**Stored data:**
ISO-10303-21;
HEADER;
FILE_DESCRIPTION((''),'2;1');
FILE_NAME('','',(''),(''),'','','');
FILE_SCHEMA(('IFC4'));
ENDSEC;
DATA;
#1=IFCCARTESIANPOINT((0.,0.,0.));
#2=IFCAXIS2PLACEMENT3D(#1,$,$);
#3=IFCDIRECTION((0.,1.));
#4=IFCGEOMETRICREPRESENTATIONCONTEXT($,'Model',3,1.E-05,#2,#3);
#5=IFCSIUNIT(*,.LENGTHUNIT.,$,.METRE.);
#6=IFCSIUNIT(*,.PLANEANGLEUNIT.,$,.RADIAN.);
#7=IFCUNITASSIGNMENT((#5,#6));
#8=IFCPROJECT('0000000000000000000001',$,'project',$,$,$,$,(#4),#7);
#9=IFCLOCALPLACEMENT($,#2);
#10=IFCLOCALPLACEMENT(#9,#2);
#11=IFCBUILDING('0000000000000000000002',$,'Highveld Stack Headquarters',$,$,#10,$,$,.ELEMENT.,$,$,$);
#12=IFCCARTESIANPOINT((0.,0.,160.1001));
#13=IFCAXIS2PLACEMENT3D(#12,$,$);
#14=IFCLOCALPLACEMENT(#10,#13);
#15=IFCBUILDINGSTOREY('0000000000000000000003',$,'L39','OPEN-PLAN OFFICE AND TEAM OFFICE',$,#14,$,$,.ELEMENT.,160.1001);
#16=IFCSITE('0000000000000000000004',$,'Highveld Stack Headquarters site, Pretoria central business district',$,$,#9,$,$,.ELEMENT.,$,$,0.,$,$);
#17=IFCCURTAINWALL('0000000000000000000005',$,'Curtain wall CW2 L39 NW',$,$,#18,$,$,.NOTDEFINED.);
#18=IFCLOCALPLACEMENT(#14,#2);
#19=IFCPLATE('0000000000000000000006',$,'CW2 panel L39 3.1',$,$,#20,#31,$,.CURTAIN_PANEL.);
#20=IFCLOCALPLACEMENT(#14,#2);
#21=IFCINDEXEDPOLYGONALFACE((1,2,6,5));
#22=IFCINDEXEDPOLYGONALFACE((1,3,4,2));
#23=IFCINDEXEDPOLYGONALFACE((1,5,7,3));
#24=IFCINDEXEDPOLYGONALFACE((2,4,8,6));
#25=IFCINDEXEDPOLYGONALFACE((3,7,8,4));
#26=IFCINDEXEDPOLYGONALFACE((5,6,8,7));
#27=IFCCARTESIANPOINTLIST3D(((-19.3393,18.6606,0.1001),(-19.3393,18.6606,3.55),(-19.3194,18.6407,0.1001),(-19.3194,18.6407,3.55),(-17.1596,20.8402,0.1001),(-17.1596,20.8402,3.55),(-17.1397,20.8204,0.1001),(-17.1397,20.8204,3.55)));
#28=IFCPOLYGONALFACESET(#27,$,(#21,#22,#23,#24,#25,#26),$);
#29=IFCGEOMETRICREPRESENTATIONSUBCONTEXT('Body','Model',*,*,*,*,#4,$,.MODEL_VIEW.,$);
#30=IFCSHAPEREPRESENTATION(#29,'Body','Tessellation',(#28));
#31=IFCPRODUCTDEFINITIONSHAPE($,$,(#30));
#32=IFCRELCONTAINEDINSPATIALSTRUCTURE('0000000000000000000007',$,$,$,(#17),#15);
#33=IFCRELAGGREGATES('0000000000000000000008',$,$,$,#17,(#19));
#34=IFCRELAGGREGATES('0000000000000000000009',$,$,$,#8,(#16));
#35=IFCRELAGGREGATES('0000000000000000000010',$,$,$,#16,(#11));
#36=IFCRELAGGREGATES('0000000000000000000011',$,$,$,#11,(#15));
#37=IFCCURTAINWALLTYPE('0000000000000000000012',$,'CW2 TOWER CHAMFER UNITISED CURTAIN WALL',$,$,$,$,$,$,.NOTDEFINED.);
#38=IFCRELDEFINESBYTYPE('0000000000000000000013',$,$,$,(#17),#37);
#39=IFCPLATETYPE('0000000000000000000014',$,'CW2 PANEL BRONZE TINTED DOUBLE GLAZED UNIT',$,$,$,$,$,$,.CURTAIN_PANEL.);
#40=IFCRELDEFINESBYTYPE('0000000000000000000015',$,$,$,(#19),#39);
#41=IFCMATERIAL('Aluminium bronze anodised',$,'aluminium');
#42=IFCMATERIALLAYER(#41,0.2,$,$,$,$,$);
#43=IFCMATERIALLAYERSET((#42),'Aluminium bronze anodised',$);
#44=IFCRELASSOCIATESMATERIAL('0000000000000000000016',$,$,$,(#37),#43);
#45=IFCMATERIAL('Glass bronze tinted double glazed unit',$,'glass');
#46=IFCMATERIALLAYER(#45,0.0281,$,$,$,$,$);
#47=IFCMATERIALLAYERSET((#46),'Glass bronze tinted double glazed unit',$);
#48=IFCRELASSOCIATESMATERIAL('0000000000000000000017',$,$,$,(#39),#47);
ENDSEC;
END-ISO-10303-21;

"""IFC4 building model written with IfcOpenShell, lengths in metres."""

from ifc_helpers import new_model, si_unit, direction, frame, origin, origin_2d, place, context, subcontext, project, spatial, rectangle, extrude, material, layer, layer_set, type_object, element, aggregate, save


model = new_model("IFC4")

# Units and contexts
model_context = context("Model", 3, precision=1e-05, world=origin(), true_north=direction((0.0, 1.0)))
body_context = subcontext(model_context, "Body", "Model", "MODEL_VIEW")
ifc_project = project(units=[si_unit("LENGTHUNIT", "METRE"), si_unit("PLANEANGLEUNIT", "RADIAN")], contexts=[model_context])

# Site, building, storey
site_placement = place(None, origin())
site = spatial("IfcSite", under=ifc_project, at=site_placement, Name="Highveld Stack Headquarters site, Pretoria central business district", CompositionType="ELEMENT", RefElevation=0.0)
building_placement = place(site_placement, origin())
building = spatial("IfcBuilding", under=site, at=building_placement, Name="Highveld Stack Headquarters", CompositionType="ELEMENT")
storey_placement = place(building_placement, frame((0.0, 0.0, 160.1001)))
storey = spatial("IfcBuildingStorey", under=building, at=storey_placement, Name="L39", Description="OPEN-PLAN OFFICE AND TEAM OFFICE", CompositionType="ELEMENT", Elevation=160.1001)

# Curtain wall
ifc_material_1 = material(Name="Aluminium bronze anodised", Category="aluminium")
ifc_layer_1 = layer(ifc_material_1, 0.2)
ifc_layer_set_1 = layer_set([ifc_layer_1], Name="Aluminium bronze anodised")
curtain_wall_type_1 = type_object("IfcCurtainWallType", Name="CW2 TOWER CHAMFER UNITISED CURTAIN WALL", PredefinedType="NOTDEFINED", material=ifc_layer_set_1)
curtain_wall_1_placement = place(storey_placement, origin())
curtain_wall_1 = element("IfcCurtainWall", 1, at=curtain_wall_1_placement, inside=storey, type_object=curtain_wall_type_1, Name="Curtain wall CW2 L39 NW", PredefinedType="NOTDEFINED")

# Plate
ifc_material_2 = material(Name="Glass bronze tinted double glazed unit", Category="glass")
ifc_layer_2 = layer(ifc_material_2, 0.0281)
ifc_layer_set_2 = layer_set([ifc_layer_2], Name="Glass bronze tinted double glazed unit")
plate_type_1 = type_object("IfcPlateType", Name="CW2 PANEL BRONZE TINTED DOUBLE GLAZED UNIT", PredefinedType="CURTAIN_PANEL", material=ifc_layer_set_2)
plate_1_placement = place(storey_placement, frame((-18.2395, 19.7405, 0.1001), z_axis=(0.0, 0.0, 1.0), x_axis=(-0.707107, -0.707107, 0.0)))
plate_1 = element("IfcPlate", 2, at=plate_1_placement, type_object=plate_type_1, Name="CW2 panel L39 3.1", PredefinedType="CURTAIN_PANEL", context=body_context, shape_type="SweptSolid", body=[
    extrude(rectangle(XDim=3.0825, YDim=0.0281, at=origin_2d()), origin(), (0.0, 0.0, 1.0), 3.45),
])
aggregate(curtain_wall_1, [plate_1])

save(model, "model.ifc")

**BRIEF:** Only the lines that contain the string "IFCRELASSOCIATESMATERIAL" are to be copied from the records.

**EXERCISE SOLUTION:**
#44=IFCRELASSOCIATESMATERIAL('0000000000000000000016',$,$,$,(#37),#43);
#48=IFCRELASSOCIATESMATERIAL('0000000000000000000017',$,$,$,(#39),#47);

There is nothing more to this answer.